> [WHAT THE TASK REQUIRES]
Please return every line from the entries that has the string "Body" in it.

Saved data entries

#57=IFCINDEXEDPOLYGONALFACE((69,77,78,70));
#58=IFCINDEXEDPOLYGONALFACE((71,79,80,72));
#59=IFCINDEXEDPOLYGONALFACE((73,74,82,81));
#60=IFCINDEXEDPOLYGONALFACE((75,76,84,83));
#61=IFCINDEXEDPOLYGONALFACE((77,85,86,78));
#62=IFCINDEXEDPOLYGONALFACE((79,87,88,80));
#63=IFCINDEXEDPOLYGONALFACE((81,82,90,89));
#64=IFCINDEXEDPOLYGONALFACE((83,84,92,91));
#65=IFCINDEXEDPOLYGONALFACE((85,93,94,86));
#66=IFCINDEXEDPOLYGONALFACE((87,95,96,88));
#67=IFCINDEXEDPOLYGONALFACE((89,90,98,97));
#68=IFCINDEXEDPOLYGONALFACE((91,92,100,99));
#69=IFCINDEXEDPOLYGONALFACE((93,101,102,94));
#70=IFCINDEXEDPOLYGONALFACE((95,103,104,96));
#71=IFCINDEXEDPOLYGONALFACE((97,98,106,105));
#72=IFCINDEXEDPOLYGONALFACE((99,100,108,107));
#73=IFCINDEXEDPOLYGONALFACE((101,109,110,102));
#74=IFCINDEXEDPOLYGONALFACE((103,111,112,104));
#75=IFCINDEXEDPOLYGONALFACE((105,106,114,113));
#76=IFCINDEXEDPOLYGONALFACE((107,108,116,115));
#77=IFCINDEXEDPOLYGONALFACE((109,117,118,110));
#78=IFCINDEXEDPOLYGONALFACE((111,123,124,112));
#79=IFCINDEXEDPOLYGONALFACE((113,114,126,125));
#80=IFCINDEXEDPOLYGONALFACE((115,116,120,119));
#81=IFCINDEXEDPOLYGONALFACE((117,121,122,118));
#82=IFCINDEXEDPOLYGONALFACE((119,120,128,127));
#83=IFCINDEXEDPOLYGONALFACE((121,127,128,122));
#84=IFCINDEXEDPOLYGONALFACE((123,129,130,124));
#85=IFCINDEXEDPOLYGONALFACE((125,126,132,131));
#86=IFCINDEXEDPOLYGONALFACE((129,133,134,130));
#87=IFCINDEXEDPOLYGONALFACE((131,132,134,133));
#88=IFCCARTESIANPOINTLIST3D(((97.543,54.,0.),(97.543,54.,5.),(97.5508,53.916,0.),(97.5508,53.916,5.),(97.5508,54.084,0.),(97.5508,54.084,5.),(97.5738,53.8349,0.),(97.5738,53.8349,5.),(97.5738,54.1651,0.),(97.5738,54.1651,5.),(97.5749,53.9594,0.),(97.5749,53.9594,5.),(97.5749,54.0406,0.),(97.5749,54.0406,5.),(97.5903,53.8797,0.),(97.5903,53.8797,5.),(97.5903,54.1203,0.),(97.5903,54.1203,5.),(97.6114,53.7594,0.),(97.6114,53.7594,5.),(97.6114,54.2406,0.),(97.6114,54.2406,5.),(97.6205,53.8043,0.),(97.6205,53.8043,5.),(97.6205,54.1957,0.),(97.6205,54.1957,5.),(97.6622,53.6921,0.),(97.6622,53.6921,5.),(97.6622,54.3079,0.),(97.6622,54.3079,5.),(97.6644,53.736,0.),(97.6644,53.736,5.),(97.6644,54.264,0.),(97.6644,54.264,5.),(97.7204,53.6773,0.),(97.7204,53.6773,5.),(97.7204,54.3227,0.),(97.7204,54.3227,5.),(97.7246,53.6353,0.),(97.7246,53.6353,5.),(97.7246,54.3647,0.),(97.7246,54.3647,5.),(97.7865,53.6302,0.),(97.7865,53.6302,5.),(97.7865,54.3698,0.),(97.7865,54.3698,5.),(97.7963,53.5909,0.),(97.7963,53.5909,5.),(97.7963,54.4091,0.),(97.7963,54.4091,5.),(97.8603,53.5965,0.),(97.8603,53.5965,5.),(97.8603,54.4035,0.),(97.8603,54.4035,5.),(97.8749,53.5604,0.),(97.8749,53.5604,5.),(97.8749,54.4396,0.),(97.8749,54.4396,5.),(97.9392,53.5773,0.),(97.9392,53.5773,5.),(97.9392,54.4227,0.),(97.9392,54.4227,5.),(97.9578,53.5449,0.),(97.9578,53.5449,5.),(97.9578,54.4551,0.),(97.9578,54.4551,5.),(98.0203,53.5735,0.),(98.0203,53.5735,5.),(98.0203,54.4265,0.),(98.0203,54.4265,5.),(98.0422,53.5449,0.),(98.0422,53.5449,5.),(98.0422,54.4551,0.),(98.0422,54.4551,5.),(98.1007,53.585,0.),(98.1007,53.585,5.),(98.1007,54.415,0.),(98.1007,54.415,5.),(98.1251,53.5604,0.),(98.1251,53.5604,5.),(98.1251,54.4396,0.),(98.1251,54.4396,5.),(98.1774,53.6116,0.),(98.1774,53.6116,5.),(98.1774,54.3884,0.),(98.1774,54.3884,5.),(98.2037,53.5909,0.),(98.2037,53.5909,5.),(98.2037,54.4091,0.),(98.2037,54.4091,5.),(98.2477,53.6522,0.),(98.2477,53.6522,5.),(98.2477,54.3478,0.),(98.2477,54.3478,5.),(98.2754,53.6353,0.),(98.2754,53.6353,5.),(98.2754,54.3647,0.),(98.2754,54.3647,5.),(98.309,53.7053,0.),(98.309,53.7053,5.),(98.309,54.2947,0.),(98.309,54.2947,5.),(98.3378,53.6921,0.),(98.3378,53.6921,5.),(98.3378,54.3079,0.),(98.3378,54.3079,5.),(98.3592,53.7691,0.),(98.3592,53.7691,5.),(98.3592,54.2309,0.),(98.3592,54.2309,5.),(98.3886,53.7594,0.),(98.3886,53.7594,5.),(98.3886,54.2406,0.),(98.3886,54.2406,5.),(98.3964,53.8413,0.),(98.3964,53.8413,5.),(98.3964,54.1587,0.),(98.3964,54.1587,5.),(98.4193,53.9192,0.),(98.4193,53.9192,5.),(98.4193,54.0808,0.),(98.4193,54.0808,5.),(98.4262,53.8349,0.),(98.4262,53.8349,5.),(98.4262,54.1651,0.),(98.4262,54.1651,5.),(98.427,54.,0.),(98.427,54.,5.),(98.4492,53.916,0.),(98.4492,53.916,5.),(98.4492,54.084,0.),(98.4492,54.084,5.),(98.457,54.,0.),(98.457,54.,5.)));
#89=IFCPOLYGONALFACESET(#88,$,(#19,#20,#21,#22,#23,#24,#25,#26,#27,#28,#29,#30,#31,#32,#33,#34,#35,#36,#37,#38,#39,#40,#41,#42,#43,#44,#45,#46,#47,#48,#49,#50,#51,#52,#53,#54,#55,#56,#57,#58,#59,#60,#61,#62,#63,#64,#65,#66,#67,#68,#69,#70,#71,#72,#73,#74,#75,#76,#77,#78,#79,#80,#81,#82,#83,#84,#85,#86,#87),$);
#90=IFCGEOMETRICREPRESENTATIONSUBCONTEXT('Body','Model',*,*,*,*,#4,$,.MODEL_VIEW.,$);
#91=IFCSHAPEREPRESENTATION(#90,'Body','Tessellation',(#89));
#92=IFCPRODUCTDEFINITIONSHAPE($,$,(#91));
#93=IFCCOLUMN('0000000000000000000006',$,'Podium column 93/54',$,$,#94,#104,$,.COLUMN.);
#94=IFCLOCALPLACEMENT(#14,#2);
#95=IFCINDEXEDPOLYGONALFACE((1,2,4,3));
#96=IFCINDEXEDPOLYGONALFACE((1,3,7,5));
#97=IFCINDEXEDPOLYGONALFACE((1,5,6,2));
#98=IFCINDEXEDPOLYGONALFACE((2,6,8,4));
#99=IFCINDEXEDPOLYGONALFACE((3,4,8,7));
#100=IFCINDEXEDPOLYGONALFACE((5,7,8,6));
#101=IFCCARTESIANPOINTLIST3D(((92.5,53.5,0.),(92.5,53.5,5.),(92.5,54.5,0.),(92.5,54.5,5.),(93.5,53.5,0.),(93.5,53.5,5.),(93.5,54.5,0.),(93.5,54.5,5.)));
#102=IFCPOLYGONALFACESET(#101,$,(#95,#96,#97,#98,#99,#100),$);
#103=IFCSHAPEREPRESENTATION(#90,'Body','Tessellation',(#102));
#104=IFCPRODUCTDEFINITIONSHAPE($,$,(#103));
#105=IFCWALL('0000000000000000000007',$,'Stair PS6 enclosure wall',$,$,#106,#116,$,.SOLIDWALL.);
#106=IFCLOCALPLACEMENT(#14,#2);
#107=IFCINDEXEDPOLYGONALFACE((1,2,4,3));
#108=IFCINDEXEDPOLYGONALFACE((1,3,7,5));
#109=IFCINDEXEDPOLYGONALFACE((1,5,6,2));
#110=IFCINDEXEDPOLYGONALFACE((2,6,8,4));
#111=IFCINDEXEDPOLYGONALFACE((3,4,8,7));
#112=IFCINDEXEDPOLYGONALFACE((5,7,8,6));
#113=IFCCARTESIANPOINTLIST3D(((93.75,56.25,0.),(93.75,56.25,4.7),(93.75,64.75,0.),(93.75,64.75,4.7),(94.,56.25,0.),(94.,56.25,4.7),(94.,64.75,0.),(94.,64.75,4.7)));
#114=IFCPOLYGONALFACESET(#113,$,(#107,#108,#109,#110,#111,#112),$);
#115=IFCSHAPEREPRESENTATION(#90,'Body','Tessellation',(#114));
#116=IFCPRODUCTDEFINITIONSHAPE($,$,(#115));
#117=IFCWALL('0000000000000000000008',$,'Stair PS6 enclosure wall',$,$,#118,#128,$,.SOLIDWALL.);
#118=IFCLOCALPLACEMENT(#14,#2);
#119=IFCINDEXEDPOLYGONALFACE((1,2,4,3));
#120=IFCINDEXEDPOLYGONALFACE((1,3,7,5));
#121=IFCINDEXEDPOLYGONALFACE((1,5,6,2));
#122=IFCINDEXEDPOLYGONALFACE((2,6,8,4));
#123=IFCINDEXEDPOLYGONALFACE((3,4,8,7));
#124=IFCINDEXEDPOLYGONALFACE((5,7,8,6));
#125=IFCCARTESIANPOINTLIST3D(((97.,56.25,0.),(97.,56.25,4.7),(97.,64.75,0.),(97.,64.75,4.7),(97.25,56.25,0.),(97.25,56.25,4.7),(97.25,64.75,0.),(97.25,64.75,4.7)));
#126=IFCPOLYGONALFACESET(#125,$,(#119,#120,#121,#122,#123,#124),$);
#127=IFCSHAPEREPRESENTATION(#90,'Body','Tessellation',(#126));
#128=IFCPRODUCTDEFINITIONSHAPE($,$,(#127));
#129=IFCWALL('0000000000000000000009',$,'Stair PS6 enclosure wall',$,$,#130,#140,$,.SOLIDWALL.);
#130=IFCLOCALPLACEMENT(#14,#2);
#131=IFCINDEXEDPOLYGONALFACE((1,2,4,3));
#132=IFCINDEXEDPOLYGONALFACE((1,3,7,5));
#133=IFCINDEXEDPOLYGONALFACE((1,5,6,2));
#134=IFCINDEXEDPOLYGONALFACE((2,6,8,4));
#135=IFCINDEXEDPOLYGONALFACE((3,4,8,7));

> [ANSWER BOX]
#90=IFCGEOMETRICREPRESENTATIONSUBCONTEXT('Body','Model',*,*,*,*,#4,$,.MODEL_VIEW.,$);
#91=IFCSHAPEREPRESENTATION(#90,'Body','Tessellation',(#89));
#103=IFCSHAPEREPRESENTATION(#90,'Body','Tessellation',(#102));
#115=IFCSHAPEREPRESENTATION(#90,'Body','Tessellation',(#114));
#127=IFCSHAPEREPRESENTATION(#90,'Body','Tessellation',(#126));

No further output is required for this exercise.